Could you say how many lines in the entries contain the string "IFCMATERIAL"? Give only that number.

*** Opening of Task inputs ***

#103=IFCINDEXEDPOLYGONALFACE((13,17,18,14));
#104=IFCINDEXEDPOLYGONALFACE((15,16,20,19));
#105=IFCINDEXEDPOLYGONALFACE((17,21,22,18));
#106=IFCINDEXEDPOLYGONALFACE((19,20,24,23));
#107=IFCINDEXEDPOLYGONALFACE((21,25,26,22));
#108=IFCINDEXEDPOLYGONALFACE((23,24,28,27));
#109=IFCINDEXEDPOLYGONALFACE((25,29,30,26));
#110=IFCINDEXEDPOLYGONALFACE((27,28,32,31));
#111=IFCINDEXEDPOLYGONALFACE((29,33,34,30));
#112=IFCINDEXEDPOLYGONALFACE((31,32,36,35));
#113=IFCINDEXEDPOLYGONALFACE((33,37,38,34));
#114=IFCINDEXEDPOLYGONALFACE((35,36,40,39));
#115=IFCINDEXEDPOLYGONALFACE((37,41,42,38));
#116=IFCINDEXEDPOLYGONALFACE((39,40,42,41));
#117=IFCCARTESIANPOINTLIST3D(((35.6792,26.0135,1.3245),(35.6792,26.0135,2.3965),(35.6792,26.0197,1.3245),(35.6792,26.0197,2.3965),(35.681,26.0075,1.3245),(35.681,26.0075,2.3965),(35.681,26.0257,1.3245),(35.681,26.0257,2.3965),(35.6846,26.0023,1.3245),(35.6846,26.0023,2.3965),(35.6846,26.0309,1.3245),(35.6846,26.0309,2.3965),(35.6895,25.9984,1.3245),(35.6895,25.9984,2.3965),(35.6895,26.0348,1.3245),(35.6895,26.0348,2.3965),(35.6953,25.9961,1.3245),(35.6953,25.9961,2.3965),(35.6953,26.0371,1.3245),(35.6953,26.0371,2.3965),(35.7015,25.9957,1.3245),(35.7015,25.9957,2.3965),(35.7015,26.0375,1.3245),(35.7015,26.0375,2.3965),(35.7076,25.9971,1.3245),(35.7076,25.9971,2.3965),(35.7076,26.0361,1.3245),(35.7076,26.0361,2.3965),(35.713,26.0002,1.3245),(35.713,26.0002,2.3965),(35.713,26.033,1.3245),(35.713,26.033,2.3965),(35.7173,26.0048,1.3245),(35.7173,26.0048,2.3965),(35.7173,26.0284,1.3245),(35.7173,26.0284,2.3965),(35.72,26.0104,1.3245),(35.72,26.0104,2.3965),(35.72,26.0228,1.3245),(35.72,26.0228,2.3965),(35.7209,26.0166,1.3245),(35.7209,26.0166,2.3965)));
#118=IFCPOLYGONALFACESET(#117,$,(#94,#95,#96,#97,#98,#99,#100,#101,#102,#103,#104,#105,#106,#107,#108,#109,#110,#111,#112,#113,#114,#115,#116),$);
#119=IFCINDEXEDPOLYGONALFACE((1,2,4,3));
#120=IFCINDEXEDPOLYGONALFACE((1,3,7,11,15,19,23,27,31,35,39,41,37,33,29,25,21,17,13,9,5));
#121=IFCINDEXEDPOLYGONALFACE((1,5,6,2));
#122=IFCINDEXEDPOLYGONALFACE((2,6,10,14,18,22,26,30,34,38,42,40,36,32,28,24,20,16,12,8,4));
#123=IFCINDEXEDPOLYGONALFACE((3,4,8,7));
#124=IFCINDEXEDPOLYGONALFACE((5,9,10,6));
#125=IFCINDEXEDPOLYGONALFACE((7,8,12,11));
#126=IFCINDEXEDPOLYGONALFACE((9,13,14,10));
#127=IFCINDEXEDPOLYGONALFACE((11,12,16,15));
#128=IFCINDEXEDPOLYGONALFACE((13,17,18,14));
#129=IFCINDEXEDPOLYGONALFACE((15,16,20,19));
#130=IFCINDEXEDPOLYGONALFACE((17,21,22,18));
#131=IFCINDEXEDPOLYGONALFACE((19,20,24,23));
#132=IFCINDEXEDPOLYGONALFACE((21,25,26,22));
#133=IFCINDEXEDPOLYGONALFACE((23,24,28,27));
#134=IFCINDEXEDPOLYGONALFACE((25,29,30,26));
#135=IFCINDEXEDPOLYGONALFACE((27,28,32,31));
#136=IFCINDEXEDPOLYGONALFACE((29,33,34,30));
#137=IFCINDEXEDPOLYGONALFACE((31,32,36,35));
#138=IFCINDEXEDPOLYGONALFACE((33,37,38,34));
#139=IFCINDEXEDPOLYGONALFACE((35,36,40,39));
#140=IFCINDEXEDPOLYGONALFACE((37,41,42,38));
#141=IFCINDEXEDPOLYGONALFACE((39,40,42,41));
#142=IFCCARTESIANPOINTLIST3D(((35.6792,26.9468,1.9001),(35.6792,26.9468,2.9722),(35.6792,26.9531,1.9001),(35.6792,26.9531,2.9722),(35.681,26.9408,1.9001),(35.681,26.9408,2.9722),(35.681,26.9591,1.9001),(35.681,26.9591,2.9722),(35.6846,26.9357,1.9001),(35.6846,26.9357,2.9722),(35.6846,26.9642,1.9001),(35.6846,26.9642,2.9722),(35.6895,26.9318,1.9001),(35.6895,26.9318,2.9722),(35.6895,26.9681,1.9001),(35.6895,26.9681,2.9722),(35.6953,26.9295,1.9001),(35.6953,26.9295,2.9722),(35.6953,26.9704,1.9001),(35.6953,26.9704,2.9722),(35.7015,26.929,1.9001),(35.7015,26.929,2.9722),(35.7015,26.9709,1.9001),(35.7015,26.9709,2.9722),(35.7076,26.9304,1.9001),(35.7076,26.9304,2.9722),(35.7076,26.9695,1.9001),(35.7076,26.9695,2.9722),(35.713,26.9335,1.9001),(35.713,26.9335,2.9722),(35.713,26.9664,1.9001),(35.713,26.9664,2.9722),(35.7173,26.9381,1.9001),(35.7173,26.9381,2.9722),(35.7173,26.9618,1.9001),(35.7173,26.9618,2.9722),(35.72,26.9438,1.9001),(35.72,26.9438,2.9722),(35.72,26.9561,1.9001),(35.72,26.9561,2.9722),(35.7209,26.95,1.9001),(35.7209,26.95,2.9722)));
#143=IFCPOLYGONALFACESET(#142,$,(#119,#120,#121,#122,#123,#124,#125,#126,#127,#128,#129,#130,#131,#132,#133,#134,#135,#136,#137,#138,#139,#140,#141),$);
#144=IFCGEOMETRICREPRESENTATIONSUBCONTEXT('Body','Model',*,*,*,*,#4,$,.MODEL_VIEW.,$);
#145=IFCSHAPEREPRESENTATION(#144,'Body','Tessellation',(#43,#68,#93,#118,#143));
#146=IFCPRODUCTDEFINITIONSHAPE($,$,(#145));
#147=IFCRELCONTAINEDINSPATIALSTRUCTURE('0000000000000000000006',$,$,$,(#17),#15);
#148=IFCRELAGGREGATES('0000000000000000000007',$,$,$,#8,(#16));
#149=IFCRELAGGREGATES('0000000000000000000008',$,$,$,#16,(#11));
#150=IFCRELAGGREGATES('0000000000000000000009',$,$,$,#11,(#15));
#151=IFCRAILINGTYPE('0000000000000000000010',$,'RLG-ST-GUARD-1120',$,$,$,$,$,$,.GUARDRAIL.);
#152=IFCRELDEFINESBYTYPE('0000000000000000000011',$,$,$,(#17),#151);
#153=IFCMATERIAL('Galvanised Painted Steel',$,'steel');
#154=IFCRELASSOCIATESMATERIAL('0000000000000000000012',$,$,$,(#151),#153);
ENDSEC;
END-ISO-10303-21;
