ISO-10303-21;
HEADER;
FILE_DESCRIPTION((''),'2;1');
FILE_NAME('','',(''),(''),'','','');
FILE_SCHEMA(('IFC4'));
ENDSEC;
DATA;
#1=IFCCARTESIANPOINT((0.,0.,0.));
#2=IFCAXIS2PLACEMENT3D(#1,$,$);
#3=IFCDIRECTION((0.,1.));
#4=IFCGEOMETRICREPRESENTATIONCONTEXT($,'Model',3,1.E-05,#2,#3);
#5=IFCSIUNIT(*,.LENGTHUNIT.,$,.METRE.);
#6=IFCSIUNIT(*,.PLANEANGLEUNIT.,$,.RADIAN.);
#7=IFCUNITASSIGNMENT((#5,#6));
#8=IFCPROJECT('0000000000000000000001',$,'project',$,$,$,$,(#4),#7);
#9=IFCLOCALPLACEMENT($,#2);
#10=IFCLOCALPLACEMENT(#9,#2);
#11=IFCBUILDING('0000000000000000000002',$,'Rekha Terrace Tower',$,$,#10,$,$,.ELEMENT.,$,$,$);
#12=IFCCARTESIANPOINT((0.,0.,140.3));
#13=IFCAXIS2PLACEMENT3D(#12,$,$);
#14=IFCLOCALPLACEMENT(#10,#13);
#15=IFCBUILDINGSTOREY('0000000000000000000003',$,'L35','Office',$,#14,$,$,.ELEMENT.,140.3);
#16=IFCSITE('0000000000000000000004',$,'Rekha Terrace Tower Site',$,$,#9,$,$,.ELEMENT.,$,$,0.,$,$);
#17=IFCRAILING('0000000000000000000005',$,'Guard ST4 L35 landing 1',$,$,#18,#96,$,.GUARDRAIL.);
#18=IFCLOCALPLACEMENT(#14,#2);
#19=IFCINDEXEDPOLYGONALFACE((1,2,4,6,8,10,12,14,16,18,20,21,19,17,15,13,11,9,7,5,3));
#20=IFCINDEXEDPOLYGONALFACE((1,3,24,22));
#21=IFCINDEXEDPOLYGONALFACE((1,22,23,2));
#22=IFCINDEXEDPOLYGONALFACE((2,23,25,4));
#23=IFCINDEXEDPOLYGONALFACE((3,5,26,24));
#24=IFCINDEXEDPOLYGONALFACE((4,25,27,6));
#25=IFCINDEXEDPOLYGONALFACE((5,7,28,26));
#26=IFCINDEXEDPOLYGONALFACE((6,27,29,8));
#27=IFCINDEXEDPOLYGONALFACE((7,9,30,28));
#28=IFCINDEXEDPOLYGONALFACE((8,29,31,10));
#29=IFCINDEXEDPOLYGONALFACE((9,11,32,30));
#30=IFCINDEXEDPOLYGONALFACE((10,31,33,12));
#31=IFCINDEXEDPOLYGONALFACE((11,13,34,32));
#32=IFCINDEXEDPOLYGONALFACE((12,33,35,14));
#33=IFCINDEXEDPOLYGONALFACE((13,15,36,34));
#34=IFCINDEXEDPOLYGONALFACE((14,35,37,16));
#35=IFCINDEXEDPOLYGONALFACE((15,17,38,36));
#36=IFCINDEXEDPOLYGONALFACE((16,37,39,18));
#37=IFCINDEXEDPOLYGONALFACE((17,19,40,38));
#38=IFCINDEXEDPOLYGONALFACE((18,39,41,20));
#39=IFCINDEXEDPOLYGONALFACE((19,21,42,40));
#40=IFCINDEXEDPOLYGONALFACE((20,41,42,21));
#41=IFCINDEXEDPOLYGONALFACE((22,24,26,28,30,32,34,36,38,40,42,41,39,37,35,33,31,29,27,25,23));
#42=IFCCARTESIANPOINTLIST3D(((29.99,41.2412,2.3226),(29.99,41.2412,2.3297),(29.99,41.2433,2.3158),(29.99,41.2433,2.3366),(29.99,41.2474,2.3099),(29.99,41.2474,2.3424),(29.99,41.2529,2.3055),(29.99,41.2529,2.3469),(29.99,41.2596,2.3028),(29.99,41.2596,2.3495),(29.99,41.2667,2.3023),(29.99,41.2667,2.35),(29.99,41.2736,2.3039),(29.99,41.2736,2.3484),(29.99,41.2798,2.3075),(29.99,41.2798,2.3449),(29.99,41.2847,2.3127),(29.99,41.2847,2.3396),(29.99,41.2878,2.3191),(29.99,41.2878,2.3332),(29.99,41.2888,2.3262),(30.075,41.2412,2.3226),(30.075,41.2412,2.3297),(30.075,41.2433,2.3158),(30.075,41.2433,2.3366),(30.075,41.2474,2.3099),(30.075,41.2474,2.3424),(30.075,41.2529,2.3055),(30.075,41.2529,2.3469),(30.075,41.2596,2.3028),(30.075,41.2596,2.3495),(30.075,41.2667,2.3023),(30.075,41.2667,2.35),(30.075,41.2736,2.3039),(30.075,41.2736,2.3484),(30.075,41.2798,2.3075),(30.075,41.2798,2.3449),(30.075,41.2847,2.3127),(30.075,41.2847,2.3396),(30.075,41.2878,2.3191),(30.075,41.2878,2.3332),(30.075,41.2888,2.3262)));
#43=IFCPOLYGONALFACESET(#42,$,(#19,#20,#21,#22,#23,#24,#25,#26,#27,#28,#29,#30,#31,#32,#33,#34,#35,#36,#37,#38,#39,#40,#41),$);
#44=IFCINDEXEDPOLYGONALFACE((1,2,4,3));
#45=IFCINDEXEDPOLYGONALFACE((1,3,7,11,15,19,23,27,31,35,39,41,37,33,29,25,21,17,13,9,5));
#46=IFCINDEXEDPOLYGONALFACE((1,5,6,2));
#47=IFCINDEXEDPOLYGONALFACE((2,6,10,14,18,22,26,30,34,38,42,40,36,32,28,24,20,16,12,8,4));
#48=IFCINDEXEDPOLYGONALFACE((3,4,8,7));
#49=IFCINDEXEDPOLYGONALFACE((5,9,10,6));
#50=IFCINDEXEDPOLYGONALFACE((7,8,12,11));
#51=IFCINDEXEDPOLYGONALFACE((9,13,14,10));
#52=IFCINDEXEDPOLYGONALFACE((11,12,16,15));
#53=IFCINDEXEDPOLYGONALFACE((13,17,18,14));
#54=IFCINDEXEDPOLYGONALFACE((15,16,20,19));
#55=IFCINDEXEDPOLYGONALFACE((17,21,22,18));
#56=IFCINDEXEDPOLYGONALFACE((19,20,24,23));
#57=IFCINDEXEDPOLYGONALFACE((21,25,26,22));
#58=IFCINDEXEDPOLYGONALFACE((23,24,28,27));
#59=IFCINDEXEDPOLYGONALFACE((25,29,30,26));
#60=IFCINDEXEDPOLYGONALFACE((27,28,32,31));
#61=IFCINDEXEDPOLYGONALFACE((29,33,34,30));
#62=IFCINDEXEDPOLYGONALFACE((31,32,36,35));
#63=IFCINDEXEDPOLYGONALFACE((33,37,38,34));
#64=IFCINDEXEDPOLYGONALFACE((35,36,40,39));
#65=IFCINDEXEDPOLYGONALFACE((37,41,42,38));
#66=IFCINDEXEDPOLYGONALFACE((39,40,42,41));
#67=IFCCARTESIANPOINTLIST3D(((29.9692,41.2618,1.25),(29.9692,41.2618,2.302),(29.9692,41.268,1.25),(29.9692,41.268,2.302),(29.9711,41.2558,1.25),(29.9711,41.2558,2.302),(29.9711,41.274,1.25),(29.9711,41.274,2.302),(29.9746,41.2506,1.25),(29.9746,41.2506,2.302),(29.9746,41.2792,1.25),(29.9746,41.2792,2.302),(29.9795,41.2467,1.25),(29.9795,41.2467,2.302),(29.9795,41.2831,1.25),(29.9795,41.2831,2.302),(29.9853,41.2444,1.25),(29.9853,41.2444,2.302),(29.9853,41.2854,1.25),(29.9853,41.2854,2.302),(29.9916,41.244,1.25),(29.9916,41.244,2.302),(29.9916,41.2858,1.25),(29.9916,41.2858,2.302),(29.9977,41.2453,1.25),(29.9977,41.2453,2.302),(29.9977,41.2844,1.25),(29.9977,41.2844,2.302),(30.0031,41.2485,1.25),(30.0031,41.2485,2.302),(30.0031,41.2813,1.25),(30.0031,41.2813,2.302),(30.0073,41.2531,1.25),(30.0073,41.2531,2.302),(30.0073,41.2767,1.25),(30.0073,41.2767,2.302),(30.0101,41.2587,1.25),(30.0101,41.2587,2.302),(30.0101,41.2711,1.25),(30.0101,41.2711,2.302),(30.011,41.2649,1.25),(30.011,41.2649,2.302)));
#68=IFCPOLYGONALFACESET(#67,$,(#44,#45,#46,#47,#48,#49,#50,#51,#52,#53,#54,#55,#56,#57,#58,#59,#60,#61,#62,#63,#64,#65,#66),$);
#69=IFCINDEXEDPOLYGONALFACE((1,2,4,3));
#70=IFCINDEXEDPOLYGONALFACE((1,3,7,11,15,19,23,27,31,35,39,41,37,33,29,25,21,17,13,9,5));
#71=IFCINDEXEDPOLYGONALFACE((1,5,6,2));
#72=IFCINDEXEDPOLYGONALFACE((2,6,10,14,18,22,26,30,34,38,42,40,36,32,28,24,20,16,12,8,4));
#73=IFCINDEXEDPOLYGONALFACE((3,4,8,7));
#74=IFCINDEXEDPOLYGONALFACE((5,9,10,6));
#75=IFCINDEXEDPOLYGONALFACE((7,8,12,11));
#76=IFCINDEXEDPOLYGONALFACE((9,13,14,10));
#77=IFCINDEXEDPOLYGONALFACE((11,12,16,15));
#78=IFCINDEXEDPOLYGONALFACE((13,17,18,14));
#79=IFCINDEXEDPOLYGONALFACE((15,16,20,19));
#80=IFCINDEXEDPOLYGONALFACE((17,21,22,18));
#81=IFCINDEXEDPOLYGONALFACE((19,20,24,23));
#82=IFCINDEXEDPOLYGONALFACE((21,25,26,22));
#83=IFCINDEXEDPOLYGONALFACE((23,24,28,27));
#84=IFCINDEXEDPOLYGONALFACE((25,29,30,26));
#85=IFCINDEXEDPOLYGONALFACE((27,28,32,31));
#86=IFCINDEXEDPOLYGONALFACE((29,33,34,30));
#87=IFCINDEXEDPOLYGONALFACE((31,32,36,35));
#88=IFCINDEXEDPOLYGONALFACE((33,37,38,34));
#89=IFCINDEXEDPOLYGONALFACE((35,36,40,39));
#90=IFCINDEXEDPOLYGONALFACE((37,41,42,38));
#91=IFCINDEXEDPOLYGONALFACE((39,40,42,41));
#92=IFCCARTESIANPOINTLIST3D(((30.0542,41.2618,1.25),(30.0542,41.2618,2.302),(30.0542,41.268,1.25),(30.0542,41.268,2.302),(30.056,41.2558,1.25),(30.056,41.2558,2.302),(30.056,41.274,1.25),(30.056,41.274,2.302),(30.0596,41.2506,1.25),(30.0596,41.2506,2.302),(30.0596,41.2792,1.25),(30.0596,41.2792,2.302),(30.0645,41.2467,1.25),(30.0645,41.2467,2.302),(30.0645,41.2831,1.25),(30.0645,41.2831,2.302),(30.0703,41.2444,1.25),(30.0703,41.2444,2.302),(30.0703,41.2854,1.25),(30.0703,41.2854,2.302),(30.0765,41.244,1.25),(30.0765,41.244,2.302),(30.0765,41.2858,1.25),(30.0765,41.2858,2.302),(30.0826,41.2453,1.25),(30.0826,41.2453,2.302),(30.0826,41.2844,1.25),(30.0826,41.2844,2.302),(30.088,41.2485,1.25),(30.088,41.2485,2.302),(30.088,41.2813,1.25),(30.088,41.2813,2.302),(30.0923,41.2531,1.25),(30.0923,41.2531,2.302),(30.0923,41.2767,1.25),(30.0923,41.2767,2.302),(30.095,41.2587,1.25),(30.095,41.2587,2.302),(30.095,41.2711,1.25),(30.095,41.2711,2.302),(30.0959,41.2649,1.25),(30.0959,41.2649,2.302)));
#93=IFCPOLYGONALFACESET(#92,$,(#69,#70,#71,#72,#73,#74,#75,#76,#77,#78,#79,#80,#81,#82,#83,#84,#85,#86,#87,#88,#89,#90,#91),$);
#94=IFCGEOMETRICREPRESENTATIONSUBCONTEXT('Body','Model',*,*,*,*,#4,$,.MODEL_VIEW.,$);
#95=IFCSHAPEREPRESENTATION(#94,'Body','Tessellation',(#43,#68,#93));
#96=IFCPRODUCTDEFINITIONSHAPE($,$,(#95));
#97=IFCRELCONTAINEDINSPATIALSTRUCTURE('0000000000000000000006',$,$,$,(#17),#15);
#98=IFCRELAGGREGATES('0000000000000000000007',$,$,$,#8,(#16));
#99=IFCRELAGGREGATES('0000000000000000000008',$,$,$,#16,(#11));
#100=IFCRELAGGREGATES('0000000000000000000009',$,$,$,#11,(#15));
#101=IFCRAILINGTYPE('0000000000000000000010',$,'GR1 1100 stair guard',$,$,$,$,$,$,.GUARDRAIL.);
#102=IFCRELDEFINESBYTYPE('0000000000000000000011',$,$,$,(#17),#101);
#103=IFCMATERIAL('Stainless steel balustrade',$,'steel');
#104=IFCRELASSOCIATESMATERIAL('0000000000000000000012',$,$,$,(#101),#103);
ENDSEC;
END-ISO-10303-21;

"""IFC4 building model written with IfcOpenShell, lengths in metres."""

from ifc_helpers import new_model, si_unit, direction, frame, origin, origin_2d, place, context, subcontext, project, spatial, circle, extrude, material, type_object, element, save


model = new_model("IFC4")

# Units and contexts
model_context = context("Model", 3, precision=1e-05, world=origin(), true_north=direction((0.0, 1.0)))
body_context = subcontext(model_context, "Body", "Model", "MODEL_VIEW")
ifc_project = project(units=[si_unit("LENGTHUNIT", "METRE"), si_unit("PLANEANGLEUNIT", "RADIAN")], contexts=[model_context])

# Site, building, storey
site_placement = place(None, origin())
site = spatial("IfcSite", under=ifc_project, at=site_placement, Name="Rekha Terrace Tower Site", CompositionType="ELEMENT", RefElevation=0.0)
building_placement = place(site_placement, origin())
building = spatial("IfcBuilding", under=site, at=building_placement, Name="Rekha Terrace Tower", CompositionType="ELEMENT")
storey_placement = place(building_placement, frame((0.0, 0.0, 140.3)))
storey = spatial("IfcBuildingStorey", under=building, at=storey_placement, Name="L35", Description="Office", CompositionType="ELEMENT", Elevation=140.3)

# Railing
ifc_material_1 = material(Name="Stainless steel balustrade", Category="steel")
railing_type_1 = type_object("IfcRailingType", Name="GR1 1100 stair guard", PredefinedType="GUARDRAIL", material=ifc_material_1)
railing_1_placement = place(storey_placement, frame((29.99, 41.2649, 1.25)))
element("IfcRailing", 1, at=railing_1_placement, inside=storey, type_object=railing_type_1, Name="Guard ST4 L35 landing 1", PredefinedType="GUARDRAIL", context=body_context, shape_type="SweptSolid", body=[
    extrude(circle(Radius=0.0239, at=origin_2d()), frame((0.0, 0.0, 1.0762), z_axis=(1.0, 0.0, 0.0), x_axis=(0.0, 1.0, 0.0)), (0.0, 0.0, 1.0), 0.085),
    extrude(circle(Radius=0.021, at=origin_2d()), origin(), (0.0, 0.0, 1.0), 1.052),
    extrude(circle(Radius=0.021, at=origin_2d()), frame((0.085, 0.0, 0.0)), (0.0, 0.0, 1.0), 1.052),
])

save(model, "model.ifc")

*** Close of Task inputs ***

**Response to this exercise**
2